Check each line of the material below for "Almandine" and copy those where it appears.

┄┄┄┄┄┄┄┄┄┄

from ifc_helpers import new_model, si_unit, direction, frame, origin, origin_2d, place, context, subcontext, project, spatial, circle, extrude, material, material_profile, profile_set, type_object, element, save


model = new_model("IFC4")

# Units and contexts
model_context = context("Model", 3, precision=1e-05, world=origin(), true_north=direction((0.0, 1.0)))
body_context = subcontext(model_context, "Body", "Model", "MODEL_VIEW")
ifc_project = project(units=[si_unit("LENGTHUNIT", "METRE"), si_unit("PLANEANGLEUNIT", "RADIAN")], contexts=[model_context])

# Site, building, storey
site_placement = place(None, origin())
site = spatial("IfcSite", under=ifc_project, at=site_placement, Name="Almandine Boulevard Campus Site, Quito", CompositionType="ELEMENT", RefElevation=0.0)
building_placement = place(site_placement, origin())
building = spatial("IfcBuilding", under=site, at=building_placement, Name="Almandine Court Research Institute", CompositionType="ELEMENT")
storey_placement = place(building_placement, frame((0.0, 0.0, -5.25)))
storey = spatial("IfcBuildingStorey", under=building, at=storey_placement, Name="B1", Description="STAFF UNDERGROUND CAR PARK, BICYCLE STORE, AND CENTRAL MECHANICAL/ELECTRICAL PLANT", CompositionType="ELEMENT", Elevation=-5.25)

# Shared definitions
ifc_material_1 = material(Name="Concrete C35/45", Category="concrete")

┄┄┄┄┄┄┄┄┄┄

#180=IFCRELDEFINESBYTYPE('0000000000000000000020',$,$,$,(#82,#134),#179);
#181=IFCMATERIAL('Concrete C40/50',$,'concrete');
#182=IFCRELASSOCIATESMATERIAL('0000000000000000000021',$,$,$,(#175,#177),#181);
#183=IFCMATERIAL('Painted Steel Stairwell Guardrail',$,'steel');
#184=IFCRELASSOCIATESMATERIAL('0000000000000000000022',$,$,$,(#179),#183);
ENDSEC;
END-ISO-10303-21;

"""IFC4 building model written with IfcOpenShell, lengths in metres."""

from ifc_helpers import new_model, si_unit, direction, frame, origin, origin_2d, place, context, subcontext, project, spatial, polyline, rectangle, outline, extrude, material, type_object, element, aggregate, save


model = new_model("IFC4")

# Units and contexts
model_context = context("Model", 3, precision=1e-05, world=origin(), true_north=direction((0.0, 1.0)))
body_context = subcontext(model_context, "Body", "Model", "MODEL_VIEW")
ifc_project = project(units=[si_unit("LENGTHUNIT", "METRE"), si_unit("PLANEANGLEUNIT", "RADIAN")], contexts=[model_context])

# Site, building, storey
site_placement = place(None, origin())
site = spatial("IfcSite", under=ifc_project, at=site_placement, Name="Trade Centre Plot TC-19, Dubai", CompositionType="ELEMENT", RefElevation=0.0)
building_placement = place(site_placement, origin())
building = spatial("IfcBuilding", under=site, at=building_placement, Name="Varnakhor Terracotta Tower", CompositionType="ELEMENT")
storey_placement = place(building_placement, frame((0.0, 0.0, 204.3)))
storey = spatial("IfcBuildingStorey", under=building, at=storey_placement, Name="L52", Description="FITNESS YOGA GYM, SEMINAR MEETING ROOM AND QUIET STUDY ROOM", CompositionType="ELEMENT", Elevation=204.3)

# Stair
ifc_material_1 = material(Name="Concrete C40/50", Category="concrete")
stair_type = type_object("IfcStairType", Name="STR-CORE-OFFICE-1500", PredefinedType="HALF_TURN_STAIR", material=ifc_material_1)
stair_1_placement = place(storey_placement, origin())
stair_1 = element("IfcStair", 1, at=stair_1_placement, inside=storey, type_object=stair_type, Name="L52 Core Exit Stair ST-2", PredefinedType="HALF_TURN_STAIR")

┄┄┄┄┄┄┄┄┄┄

| Solution |
site = spatial("IfcSite", under=ifc_project, at=site_placement, Name="Almandine Boulevard Campus Site, Quito", CompositionType="ELEMENT", RefElevation=0.0)
building = spatial("IfcBuilding", under=site, at=building_placement, Name="Almandine Court Research Institute", CompositionType="ELEMENT")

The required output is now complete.